# WHAT IS REQUIRED:
A stretch of the entries below is to be set down exactly, running from the line with "#45=IFCPRODUCTDEFINITIONSHAPE($,$,(#44));" through the line with "#65=IFCINDEXEDPOLYGONALFACE((5,7,8,6));", both included, and no other line.

== PROVIDED ENTRIES

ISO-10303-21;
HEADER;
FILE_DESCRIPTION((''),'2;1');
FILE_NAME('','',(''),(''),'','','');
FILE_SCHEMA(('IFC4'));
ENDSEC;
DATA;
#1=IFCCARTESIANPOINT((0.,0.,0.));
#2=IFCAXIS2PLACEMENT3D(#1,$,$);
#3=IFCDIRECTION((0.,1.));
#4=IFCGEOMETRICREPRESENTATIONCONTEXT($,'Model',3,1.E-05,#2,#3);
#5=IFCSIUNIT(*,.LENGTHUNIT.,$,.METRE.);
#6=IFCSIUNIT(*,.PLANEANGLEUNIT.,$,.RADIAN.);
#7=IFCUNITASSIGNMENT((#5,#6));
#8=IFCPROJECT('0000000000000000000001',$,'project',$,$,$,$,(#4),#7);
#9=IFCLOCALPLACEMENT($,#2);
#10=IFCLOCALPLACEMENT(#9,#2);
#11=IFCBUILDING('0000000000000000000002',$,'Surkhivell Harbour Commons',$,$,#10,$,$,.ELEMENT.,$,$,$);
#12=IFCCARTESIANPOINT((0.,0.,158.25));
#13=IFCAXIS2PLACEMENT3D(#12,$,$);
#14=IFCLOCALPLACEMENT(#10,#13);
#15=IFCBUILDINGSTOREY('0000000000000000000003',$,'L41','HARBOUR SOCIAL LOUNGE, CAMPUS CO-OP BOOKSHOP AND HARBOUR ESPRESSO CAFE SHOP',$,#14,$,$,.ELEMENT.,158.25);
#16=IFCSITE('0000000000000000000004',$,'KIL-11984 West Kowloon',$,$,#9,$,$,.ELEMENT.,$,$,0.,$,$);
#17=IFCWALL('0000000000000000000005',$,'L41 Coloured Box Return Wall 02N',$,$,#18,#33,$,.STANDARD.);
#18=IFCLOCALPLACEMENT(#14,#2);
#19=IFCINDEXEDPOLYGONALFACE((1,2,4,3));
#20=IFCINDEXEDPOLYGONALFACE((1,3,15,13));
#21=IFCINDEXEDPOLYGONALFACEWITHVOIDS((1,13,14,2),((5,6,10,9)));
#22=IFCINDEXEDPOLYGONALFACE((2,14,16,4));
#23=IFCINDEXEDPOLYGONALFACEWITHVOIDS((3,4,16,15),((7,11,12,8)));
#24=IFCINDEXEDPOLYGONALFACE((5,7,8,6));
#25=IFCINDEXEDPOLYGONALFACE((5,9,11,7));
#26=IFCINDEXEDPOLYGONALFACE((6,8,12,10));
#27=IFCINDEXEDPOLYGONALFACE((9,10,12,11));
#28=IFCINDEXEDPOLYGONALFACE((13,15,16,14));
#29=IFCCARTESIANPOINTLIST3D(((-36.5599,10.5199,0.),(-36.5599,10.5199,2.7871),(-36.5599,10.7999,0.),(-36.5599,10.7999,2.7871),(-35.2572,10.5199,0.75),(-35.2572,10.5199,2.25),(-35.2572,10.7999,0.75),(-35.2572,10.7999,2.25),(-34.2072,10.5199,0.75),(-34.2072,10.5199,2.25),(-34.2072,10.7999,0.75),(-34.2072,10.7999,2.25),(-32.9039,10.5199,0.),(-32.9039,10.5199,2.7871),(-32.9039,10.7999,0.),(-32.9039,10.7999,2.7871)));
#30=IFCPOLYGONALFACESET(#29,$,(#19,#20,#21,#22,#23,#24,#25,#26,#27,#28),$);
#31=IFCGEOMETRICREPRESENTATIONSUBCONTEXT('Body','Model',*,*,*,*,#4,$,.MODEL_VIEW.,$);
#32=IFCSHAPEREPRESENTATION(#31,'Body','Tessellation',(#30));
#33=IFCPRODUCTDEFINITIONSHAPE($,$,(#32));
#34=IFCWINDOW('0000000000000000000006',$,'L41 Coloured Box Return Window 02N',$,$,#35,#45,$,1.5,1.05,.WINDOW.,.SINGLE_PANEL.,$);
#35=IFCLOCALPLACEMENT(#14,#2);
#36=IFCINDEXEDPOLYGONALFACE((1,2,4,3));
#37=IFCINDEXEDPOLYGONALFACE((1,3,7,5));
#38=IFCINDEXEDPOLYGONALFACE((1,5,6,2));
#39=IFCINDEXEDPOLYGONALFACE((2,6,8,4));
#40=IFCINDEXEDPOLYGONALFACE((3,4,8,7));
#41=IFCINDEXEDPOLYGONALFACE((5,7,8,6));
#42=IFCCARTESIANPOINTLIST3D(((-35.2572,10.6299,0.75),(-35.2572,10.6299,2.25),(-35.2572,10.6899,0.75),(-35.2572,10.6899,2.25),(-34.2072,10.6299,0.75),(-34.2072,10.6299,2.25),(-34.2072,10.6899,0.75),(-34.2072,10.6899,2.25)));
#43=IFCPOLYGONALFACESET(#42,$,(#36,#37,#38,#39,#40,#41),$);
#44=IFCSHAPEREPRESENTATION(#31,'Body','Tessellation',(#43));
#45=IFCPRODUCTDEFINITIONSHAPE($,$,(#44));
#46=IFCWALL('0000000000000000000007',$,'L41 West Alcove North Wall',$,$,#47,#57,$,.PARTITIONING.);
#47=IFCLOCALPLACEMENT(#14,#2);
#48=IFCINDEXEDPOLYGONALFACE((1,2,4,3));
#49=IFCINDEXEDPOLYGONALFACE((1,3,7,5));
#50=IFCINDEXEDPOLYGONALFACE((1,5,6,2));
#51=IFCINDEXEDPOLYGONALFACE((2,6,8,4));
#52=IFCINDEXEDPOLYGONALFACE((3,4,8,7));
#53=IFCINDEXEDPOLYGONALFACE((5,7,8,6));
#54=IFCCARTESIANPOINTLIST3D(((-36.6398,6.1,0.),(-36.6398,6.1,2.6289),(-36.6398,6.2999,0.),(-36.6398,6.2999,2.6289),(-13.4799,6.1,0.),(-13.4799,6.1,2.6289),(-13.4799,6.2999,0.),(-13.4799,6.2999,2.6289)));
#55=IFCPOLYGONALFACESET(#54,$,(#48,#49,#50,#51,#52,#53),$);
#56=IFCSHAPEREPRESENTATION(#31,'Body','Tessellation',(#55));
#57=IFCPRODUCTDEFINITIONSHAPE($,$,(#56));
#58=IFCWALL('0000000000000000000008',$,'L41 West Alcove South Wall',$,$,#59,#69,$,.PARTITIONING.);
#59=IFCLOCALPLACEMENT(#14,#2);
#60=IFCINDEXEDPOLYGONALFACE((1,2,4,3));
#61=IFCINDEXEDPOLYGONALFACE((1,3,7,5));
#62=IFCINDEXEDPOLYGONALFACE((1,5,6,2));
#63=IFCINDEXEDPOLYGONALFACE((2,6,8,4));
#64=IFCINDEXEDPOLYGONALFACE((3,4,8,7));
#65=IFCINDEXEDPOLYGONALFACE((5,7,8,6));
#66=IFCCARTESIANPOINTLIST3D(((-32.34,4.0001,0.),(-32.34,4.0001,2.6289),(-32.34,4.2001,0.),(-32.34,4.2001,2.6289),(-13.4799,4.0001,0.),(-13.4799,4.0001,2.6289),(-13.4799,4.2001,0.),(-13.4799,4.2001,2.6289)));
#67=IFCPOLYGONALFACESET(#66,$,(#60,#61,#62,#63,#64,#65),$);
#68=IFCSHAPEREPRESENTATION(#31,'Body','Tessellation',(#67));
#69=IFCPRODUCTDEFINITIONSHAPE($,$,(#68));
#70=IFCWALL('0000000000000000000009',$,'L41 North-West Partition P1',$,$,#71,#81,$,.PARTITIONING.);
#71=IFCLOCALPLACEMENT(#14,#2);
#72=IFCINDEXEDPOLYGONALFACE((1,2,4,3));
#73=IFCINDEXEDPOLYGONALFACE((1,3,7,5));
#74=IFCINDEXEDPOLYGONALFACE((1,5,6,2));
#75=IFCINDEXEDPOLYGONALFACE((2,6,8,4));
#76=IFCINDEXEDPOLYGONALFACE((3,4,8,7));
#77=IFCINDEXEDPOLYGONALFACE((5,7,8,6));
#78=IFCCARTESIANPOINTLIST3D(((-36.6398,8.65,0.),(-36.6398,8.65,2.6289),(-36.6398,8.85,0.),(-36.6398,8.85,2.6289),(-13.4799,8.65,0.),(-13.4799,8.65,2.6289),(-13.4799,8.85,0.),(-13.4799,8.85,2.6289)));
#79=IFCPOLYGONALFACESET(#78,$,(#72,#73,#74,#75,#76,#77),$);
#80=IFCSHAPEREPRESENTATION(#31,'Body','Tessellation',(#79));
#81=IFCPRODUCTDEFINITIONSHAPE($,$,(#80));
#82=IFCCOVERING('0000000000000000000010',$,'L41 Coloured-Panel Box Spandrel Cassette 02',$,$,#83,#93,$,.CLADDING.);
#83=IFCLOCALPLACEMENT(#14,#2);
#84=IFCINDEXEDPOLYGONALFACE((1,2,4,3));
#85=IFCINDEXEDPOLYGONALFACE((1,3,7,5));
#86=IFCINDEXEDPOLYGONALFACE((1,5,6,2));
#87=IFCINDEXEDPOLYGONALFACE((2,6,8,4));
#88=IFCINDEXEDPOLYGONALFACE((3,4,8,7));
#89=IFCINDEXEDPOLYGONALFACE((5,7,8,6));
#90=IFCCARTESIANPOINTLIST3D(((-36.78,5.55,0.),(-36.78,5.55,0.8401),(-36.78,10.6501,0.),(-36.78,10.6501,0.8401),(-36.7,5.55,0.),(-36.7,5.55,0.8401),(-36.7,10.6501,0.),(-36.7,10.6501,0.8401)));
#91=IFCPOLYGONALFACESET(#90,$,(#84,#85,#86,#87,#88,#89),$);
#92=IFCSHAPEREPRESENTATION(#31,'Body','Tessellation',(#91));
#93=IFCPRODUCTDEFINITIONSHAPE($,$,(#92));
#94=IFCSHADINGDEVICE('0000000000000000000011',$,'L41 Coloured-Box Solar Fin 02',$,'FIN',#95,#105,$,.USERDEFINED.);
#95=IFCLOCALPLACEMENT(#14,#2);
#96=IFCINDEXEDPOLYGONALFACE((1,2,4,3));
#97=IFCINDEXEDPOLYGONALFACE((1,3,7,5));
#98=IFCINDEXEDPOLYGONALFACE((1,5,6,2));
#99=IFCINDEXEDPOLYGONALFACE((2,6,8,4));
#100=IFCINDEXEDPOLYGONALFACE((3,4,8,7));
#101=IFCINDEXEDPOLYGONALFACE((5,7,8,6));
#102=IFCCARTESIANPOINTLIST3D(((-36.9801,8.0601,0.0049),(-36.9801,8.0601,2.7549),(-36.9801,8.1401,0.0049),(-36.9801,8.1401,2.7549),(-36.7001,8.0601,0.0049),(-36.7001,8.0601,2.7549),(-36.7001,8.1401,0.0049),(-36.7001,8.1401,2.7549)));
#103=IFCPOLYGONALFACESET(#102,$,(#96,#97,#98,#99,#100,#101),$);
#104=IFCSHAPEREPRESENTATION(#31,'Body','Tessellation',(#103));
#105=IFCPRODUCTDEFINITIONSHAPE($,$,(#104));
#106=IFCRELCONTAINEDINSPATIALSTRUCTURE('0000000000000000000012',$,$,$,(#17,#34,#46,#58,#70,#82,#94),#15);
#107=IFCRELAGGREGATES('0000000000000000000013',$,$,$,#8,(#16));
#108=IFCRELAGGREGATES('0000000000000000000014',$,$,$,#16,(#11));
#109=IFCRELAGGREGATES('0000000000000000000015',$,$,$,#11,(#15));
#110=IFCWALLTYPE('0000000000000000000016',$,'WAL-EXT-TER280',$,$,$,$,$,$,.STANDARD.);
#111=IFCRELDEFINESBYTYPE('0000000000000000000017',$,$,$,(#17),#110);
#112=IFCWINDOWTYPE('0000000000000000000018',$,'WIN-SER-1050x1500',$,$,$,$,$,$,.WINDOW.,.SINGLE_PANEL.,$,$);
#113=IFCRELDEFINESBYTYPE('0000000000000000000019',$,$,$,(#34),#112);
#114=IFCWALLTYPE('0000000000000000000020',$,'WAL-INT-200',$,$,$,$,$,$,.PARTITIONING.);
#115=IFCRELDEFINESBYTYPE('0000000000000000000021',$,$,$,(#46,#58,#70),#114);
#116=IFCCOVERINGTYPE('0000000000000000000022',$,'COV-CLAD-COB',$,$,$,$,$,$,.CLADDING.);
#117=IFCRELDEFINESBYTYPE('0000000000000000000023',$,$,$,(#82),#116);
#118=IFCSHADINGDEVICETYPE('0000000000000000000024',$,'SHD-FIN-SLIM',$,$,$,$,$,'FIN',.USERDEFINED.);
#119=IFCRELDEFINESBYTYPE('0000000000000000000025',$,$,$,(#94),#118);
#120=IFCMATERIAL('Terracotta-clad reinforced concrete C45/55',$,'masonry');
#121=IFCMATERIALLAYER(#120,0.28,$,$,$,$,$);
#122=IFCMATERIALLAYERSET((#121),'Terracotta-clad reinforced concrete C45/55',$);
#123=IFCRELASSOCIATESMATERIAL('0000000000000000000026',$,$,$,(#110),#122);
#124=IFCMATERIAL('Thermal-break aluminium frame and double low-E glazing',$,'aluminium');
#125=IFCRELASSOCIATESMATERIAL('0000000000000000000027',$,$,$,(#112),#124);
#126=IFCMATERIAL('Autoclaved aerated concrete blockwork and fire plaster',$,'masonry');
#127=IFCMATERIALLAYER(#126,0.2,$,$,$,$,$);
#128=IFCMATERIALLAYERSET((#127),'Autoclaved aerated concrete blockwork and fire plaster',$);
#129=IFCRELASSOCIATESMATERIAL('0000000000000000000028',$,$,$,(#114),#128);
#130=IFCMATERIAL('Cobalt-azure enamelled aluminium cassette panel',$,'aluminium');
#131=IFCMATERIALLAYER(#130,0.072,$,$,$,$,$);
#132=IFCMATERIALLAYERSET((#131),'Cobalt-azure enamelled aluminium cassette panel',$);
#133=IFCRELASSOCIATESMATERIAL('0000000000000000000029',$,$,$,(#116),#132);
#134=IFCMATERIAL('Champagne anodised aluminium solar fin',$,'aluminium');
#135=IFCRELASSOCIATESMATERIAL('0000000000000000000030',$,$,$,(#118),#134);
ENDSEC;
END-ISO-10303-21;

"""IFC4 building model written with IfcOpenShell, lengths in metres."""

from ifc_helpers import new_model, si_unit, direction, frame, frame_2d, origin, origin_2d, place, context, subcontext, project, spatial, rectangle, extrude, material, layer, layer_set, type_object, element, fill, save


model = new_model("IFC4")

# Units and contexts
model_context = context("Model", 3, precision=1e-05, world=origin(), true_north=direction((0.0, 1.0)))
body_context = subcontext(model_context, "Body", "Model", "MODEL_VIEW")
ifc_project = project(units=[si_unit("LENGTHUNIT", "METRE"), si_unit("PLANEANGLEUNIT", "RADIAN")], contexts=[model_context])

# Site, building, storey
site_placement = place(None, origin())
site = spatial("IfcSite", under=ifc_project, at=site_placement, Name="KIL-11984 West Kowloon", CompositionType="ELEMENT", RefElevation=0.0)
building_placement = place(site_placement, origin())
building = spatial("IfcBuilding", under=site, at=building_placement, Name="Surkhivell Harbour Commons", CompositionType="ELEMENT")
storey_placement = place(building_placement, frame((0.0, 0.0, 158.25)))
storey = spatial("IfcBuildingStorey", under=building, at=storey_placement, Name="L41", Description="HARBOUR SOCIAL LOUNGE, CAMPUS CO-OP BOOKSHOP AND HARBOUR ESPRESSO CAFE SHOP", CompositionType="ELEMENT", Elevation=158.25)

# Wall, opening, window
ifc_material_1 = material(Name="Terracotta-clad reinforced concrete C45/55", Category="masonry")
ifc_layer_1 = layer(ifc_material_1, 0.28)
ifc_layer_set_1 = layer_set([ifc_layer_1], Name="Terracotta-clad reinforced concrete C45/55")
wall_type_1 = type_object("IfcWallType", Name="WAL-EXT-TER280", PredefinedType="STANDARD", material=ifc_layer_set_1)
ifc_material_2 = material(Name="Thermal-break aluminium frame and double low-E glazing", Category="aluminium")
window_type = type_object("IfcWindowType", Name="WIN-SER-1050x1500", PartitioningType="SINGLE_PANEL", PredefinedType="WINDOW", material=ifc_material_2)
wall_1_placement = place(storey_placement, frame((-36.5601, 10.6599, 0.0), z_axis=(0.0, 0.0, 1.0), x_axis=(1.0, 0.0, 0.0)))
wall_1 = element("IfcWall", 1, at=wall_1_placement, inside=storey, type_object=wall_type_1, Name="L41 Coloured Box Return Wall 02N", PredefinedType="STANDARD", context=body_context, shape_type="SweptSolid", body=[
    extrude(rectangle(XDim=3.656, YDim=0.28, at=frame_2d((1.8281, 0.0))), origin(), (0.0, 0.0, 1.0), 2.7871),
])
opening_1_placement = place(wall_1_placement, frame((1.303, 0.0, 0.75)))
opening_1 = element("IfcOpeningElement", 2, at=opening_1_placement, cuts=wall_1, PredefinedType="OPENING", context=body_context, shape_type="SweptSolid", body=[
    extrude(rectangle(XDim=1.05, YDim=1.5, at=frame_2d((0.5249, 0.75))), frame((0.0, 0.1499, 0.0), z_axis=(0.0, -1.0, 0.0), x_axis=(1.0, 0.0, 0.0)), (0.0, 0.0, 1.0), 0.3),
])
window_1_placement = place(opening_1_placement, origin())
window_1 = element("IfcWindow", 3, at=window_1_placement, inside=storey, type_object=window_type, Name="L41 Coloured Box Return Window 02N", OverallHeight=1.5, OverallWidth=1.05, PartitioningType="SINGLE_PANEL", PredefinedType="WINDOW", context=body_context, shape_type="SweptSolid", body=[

====

# RESULT BELOW:
#45=IFCPRODUCTDEFINITIONSHAPE($,$,(#44));
#46=IFCWALL('0000000000000000000007',$,'L41 West Alcove North Wall',$,$,#47,#57,$,.PARTITIONING.);
#47=IFCLOCALPLACEMENT(#14,#2);
#48=IFCINDEXEDPOLYGONALFACE((1,2,4,3));
#49=IFCINDEXEDPOLYGONALFACE((1,3,7,5));
#50=IFCINDEXEDPOLYGONALFACE((1,5,6,2));
#51=IFCINDEXEDPOLYGONALFACE((2,6,8,4));
#52=IFCINDEXEDPOLYGONALFACE((3,4,8,7));
#53=IFCINDEXEDPOLYGONALFACE((5,7,8,6));
#54=IFCCARTESIANPOINTLIST3D(((-36.6398,6.1,0.),(-36.6398,6.1,2.6289),(-36.6398,6.2999,0.),(-36.6398,6.2999,2.6289),(-13.4799,6.1,0.),(-13.4799,6.1,2.6289),(-13.4799,6.2999,0.),(-13.4799,6.2999,2.6289)));
#55=IFCPOLYGONALFACESET(#54,$,(#48,#49,#50,#51,#52,#53),$);
#56=IFCSHAPEREPRESENTATION(#31,'Body','Tessellation',(#55));
#57=IFCPRODUCTDEFINITIONSHAPE($,$,(#56));
#58=IFCWALL('0000000000000000000008',$,'L41 West Alcove South Wall',$,$,#59,#69,$,.PARTITIONING.);
#59=IFCLOCALPLACEMENT(#14,#2);
#60=IFCINDEXEDPOLYGONALFACE((1,2,4,3));
#61=IFCINDEXEDPOLYGONALFACE((1,3,7,5));
#62=IFCINDEXEDPOLYGONALFACE((1,5,6,2));
#63=IFCINDEXEDPOLYGONALFACE((2,6,8,4));
#64=IFCINDEXEDPOLYGONALFACE((3,4,8,7));
#65=IFCINDEXEDPOLYGONALFACE((5,7,8,6));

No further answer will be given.